Source records:

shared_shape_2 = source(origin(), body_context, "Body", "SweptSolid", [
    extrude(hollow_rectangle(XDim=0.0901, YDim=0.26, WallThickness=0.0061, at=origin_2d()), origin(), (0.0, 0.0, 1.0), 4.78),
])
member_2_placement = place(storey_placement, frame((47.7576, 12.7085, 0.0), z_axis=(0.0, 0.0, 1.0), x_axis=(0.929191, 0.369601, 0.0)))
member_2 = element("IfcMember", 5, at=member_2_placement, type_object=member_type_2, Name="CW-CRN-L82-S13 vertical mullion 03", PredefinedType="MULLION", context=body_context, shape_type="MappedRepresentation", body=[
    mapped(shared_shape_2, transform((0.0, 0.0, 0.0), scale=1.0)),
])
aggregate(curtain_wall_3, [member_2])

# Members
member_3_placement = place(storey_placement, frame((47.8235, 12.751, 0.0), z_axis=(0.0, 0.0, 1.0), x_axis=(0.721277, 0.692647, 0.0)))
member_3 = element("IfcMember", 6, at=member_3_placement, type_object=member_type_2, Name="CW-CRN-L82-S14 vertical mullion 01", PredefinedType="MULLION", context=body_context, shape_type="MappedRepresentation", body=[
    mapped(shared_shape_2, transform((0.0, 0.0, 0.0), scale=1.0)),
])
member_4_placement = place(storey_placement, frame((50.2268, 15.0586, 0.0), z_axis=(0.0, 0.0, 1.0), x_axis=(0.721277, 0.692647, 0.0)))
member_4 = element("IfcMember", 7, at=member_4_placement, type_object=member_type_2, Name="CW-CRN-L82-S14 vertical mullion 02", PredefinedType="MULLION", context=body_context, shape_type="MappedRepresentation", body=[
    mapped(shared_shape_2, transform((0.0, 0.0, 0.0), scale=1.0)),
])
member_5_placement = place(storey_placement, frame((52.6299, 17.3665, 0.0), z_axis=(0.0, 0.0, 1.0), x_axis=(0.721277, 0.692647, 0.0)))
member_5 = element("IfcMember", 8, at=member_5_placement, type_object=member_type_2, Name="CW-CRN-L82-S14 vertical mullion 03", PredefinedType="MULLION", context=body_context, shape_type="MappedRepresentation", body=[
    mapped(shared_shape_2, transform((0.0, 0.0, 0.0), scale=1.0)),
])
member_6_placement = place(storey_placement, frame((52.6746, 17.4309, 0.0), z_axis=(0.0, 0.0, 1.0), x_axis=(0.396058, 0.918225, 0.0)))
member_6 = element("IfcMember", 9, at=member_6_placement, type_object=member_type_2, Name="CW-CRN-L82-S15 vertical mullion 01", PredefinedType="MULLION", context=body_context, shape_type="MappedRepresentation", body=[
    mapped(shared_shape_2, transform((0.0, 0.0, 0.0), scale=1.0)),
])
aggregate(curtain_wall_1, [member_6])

[Exercise] Set the records above down again. Match them exactly.

[Response area]
shared_shape_2 = source(origin(), body_context, "Body", "SweptSolid", [
    extrude(hollow_rectangle(XDim=0.0901, YDim=0.26, WallThickness=0.0061, at=origin_2d()), origin(), (0.0, 0.0, 1.0), 4.78),
])
member_2_placement = place(storey_placement, frame((47.7576, 12.7085, 0.0), z_axis=(0.0, 0.0, 1.0), x_axis=(0.929191, 0.369601, 0.0)))
member_2 = element("IfcMember", 5, at=member_2_placement, type_object=member_type_2, Name="CW-CRN-L82-S13 vertical mullion 03", PredefinedType="MULLION", context=body_context, shape_type="MappedRepresentation", body=[
    mapped(shared_shape_2, transform((0.0, 0.0, 0.0), scale=1.0)),
])
aggregate(curtain_wall_3, [member_2])

# Members
member_3_placement = place(storey_placement, frame((47.8235, 12.751, 0.0), z_axis=(0.0, 0.0, 1.0), x_axis=(0.721277, 0.692647, 0.0)))
member_3 = element("IfcMember", 6, at=member_3_placement, type_object=member_type_2, Name="CW-CRN-L82-S14 vertical mullion 01", PredefinedType="MULLION", context=body_context, shape_type="MappedRepresentation", body=[
    mapped(shared_shape_2, transform((0.0, 0.0, 0.0), scale=1.0)),
])
member_4_placement = place(storey_placement, frame((50.2268, 15.0586, 0.0), z_axis=(0.0, 0.0, 1.0), x_axis=(0.721277, 0.692647, 0.0)))
member_4 = element("IfcMember", 7, at=member_4_placement, type_object=member_type_2, Name="CW-CRN-L82-S14 vertical mullion 02", PredefinedType="MULLION", context=body_context, shape_type="MappedRepresentation", body=[
    mapped(shared_shape_2, transform((0.0, 0.0, 0.0), scale=1.0)),
])
member_5_placement = place(storey_placement, frame((52.6299, 17.3665, 0.0), z_axis=(0.0, 0.0, 1.0), x_axis=(0.721277, 0.692647, 0.0)))
member_5 = element("IfcMember", 8, at=member_5_placement, type_object=member_type_2, Name="CW-CRN-L82-S14 vertical mullion 03", PredefinedType="MULLION", context=body_context, shape_type="MappedRepresentation", body=[
    mapped(shared_shape_2, transform((0.0, 0.0, 0.0), scale=1.0)),
])
member_6_placement = place(storey_placement, frame((52.6746, 17.4309, 0.0), z_axis=(0.0, 0.0, 1.0), x_axis=(0.396058, 0.918225, 0.0)))
member_6 = element("IfcMember", 9, at=member_6_placement, type_object=member_type_2, Name="CW-CRN-L82-S15 vertical mullion 01", PredefinedType="MULLION", context=body_context, shape_type="MappedRepresentation", body=[
    mapped(shared_shape_2, transform((0.0, 0.0, 0.0), scale=1.0)),
])
aggregate(curtain_wall_1, [member_6])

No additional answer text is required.